> Dataset entries:

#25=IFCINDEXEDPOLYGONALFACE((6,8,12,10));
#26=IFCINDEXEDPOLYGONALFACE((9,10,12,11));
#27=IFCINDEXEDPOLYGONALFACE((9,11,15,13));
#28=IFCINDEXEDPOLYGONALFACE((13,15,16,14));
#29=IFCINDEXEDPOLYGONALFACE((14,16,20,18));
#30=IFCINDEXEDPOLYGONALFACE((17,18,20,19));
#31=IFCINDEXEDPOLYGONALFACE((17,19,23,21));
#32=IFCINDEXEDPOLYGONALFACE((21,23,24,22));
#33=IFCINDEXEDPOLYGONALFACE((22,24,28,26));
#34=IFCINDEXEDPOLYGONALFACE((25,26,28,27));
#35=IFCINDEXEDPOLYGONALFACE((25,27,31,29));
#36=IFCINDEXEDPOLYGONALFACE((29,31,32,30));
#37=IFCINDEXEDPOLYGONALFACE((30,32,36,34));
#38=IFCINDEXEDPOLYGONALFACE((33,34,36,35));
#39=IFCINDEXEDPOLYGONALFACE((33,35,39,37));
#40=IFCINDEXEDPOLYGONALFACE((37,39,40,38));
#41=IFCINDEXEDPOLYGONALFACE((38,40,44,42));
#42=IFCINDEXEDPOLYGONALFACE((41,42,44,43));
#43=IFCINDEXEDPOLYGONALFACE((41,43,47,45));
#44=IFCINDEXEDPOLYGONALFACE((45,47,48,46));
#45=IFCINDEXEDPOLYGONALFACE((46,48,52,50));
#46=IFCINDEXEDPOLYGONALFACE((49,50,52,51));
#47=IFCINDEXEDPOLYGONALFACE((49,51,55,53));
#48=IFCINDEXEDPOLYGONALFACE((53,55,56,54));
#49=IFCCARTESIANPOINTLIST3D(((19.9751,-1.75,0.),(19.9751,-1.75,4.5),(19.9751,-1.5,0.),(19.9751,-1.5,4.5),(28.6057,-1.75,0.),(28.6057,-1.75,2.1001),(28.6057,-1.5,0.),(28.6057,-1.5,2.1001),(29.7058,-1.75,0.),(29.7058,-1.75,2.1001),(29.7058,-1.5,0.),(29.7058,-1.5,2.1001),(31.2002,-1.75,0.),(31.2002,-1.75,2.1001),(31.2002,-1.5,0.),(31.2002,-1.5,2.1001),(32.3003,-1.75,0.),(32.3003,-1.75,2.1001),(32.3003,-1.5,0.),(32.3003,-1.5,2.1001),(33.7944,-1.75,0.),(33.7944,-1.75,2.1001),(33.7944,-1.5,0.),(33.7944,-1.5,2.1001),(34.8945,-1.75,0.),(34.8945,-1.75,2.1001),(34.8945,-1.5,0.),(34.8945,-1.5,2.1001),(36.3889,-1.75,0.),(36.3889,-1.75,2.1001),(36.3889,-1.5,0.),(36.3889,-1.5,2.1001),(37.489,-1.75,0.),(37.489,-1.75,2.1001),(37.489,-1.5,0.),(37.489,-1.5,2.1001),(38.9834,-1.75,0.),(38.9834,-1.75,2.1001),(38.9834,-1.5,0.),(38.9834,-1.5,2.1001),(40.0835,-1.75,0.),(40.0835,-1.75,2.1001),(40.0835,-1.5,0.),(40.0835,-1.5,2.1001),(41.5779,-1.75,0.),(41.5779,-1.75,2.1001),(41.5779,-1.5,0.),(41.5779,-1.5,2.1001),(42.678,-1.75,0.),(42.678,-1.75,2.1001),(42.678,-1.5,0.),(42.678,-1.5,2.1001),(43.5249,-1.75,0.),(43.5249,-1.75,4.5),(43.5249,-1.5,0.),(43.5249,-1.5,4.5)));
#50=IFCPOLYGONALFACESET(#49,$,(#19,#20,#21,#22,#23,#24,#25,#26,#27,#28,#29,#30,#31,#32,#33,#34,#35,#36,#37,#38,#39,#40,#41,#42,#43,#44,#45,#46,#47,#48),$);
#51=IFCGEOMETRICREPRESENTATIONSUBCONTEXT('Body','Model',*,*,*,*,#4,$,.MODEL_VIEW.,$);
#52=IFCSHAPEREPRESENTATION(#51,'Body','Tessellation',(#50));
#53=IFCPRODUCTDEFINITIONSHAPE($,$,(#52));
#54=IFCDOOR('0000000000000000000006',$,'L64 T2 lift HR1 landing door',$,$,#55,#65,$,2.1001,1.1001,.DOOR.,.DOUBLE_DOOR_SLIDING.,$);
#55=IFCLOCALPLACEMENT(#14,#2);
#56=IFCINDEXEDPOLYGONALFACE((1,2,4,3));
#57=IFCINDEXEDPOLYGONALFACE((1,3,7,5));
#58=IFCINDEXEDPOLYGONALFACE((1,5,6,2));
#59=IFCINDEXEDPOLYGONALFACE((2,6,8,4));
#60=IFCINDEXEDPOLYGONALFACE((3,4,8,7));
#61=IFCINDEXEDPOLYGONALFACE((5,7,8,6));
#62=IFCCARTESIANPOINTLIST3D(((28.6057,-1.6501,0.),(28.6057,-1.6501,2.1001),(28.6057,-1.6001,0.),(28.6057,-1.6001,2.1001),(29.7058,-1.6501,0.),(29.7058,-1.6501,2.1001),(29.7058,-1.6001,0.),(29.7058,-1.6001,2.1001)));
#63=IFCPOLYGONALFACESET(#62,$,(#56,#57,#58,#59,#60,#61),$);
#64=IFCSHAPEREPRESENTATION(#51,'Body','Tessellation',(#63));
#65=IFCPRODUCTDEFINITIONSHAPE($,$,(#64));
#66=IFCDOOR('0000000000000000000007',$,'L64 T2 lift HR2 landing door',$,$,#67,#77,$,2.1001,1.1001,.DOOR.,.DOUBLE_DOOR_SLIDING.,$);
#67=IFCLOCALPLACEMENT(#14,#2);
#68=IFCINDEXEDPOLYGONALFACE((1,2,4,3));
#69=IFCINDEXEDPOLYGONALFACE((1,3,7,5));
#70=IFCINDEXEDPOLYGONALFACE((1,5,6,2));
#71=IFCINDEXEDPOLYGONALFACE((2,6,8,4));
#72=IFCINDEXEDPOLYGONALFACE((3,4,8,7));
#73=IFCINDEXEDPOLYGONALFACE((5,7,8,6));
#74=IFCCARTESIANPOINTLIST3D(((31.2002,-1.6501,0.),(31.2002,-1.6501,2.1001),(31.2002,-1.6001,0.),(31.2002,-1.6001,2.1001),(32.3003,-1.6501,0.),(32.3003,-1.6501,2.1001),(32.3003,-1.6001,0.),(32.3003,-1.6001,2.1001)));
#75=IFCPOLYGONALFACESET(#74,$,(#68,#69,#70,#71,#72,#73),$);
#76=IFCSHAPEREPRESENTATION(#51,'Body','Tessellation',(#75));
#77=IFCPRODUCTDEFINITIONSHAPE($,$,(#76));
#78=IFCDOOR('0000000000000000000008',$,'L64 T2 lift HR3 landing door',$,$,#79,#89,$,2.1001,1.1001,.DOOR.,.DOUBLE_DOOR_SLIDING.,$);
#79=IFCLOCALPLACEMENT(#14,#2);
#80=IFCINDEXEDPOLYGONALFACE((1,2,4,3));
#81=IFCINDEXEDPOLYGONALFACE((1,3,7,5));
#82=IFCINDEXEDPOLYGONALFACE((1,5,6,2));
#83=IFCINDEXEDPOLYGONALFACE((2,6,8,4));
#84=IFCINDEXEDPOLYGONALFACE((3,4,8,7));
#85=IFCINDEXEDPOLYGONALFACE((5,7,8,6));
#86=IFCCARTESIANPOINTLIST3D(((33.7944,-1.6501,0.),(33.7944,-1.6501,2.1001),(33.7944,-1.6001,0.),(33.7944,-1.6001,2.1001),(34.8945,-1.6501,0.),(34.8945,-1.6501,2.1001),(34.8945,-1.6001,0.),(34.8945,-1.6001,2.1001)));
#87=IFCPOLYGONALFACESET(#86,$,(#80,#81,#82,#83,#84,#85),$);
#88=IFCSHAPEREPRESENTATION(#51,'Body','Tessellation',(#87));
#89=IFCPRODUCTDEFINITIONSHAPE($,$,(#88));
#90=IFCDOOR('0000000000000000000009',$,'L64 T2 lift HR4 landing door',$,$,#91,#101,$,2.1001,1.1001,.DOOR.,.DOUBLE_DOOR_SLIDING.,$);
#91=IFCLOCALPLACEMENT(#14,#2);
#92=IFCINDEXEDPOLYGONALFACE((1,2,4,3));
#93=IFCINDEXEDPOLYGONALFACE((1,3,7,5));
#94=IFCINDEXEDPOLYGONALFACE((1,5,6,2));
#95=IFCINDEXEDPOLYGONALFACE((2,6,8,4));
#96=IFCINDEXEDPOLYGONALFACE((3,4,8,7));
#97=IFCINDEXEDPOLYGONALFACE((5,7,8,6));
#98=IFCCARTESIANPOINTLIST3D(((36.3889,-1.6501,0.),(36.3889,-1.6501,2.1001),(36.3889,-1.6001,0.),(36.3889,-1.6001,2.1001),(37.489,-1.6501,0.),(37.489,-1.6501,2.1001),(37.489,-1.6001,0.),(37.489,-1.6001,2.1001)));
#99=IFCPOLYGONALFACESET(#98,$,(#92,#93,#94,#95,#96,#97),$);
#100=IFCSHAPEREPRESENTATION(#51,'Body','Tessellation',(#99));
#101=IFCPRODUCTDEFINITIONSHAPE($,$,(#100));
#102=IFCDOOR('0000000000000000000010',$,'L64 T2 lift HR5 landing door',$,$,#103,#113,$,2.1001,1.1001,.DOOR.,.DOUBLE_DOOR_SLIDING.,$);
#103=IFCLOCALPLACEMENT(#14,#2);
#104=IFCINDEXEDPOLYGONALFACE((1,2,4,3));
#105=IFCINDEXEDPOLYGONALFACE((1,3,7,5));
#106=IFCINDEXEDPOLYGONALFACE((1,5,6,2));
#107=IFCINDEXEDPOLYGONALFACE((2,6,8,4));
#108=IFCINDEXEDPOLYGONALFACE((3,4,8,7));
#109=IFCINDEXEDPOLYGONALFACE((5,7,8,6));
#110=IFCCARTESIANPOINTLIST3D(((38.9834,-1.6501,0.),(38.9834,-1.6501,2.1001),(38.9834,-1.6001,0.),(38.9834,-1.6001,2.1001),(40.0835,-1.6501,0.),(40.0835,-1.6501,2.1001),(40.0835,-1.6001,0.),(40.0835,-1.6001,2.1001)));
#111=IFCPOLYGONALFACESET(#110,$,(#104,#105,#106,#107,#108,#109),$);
* * *
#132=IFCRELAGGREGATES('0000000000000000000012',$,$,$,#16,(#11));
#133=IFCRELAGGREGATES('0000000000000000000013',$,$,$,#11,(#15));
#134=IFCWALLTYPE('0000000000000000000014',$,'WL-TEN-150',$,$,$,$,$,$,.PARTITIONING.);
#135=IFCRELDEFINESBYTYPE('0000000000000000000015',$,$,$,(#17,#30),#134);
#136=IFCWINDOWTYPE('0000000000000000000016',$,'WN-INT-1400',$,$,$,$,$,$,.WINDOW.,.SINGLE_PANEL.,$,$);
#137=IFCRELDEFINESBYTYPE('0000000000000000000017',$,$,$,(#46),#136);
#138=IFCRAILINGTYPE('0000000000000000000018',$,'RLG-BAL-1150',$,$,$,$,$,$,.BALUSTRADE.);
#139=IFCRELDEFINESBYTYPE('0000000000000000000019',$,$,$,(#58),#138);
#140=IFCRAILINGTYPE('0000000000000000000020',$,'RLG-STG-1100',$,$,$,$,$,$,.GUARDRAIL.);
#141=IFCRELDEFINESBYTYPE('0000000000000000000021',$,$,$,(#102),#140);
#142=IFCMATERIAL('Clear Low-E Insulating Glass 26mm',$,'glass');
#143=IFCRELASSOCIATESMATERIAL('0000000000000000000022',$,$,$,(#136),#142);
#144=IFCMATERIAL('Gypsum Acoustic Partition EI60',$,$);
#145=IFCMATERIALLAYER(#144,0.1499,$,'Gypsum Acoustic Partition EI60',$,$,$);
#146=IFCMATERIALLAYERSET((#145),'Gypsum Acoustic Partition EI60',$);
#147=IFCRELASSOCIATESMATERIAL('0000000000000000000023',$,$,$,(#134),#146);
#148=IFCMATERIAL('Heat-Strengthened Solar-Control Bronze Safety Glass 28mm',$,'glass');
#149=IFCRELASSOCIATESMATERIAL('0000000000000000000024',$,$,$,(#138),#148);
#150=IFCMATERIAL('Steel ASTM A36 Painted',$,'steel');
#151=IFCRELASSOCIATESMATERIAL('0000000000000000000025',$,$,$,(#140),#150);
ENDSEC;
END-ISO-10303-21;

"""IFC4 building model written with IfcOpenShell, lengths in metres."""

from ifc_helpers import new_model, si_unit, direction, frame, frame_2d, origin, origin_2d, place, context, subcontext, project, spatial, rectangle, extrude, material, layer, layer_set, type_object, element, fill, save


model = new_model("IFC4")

> Problem to solve:
Once you find the string "Tessellation" in a line of the records, copy that line.

> Reply:
#52=IFCSHAPEREPRESENTATION(#51,'Body','Tessellation',(#50));
#64=IFCSHAPEREPRESENTATION(#51,'Body','Tessellation',(#63));
#76=IFCSHAPEREPRESENTATION(#51,'Body','Tessellation',(#75));
#88=IFCSHAPEREPRESENTATION(#51,'Body','Tessellation',(#87));
#100=IFCSHAPEREPRESENTATION(#51,'Body','Tessellation',(#99));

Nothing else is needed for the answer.